**Work item:** Your answer is the lines below, exactly, from the one that contains "#64=IFCINDEXEDPOLYGONALFACE((35,36,40,39));" through the one that contains "#66=IFCINDEXEDPOLYGONALFACE((39,40,42,41));", both included.

**Records to process:**

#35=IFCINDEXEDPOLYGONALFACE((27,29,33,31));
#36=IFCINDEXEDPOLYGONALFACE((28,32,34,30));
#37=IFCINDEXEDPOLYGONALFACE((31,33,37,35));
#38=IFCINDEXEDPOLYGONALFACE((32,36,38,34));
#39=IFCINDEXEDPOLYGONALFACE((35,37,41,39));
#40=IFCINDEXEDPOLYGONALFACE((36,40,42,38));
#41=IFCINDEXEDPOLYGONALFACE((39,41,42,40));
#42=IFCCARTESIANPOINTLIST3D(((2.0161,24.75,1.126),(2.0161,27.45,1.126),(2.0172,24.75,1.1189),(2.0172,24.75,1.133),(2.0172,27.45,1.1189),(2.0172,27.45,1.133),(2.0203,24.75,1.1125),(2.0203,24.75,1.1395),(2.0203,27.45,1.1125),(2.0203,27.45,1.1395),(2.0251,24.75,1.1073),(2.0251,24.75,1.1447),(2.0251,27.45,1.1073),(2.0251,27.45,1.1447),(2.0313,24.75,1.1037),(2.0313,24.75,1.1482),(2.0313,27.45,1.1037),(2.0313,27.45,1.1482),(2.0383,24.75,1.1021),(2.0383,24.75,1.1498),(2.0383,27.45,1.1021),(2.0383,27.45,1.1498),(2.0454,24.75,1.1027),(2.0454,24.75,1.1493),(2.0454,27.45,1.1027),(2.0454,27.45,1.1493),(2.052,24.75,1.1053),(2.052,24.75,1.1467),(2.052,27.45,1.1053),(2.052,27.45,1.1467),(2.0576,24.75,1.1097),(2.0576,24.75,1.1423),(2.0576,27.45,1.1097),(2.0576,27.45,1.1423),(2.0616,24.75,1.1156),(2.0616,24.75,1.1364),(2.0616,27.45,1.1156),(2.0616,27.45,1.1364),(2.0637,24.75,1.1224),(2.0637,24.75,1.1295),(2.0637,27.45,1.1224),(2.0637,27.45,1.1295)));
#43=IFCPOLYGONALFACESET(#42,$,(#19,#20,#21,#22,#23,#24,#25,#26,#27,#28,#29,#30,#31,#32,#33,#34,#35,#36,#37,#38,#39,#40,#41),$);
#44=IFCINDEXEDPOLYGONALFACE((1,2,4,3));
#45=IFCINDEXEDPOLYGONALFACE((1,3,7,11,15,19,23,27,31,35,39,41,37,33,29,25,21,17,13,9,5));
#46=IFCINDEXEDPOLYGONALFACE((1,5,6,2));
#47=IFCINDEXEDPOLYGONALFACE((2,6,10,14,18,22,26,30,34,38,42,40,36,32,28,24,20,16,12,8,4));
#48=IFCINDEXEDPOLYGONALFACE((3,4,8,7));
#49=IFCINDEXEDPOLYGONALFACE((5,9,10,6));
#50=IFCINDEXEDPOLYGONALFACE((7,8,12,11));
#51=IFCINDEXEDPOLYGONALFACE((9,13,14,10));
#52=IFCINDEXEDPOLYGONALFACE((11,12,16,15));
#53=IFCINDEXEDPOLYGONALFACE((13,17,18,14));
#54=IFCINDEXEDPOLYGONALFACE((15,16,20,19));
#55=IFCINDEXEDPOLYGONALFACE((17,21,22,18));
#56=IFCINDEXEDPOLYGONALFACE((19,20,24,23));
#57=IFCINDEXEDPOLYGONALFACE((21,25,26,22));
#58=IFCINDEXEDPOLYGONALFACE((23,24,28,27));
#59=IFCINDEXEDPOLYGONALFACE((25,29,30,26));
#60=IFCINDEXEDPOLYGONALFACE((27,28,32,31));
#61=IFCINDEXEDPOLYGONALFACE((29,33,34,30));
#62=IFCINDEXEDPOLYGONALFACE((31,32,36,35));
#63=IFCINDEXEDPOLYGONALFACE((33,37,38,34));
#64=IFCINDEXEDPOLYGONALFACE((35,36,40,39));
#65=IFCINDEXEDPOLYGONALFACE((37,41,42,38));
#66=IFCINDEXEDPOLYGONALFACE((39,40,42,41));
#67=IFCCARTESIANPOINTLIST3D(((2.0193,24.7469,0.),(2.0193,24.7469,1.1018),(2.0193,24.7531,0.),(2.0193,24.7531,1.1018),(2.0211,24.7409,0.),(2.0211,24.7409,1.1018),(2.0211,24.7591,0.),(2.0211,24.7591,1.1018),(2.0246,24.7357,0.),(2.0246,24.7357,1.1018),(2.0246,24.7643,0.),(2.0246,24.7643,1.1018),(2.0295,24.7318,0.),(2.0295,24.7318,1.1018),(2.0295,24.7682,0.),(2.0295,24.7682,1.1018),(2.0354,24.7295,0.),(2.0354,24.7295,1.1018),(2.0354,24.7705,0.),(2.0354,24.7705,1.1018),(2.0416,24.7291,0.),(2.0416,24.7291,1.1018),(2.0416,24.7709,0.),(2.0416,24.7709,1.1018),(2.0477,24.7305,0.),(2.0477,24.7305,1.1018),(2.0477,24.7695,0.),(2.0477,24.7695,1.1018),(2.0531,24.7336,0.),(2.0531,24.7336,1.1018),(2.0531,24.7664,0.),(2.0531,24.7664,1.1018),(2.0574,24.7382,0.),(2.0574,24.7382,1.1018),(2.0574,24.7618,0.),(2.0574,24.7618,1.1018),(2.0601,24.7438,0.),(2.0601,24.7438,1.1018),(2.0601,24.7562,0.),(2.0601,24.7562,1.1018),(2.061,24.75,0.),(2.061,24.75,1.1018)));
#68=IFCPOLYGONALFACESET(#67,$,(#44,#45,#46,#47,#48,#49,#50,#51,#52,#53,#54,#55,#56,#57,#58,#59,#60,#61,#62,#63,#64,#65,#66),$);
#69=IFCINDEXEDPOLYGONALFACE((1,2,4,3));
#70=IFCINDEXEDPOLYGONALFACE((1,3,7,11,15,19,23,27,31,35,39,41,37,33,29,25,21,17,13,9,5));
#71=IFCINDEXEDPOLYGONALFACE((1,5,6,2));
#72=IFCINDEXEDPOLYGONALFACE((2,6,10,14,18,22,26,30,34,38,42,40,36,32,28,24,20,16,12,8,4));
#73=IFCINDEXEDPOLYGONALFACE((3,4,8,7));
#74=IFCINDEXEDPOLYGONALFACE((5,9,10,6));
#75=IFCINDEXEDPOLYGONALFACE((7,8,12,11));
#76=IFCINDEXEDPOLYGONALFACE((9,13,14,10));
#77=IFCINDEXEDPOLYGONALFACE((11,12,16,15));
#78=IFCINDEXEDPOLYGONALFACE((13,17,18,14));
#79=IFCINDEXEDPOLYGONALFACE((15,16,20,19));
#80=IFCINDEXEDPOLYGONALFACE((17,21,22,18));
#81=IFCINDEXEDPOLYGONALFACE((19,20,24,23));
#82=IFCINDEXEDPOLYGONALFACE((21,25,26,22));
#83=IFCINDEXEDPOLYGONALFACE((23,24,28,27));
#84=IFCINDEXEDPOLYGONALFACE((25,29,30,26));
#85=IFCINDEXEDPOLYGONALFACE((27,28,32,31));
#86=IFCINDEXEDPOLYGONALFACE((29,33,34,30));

**Worked solution:**
#64=IFCINDEXEDPOLYGONALFACE((35,36,40,39));
#65=IFCINDEXEDPOLYGONALFACE((37,41,42,38));
#66=IFCINDEXEDPOLYGONALFACE((39,40,42,41));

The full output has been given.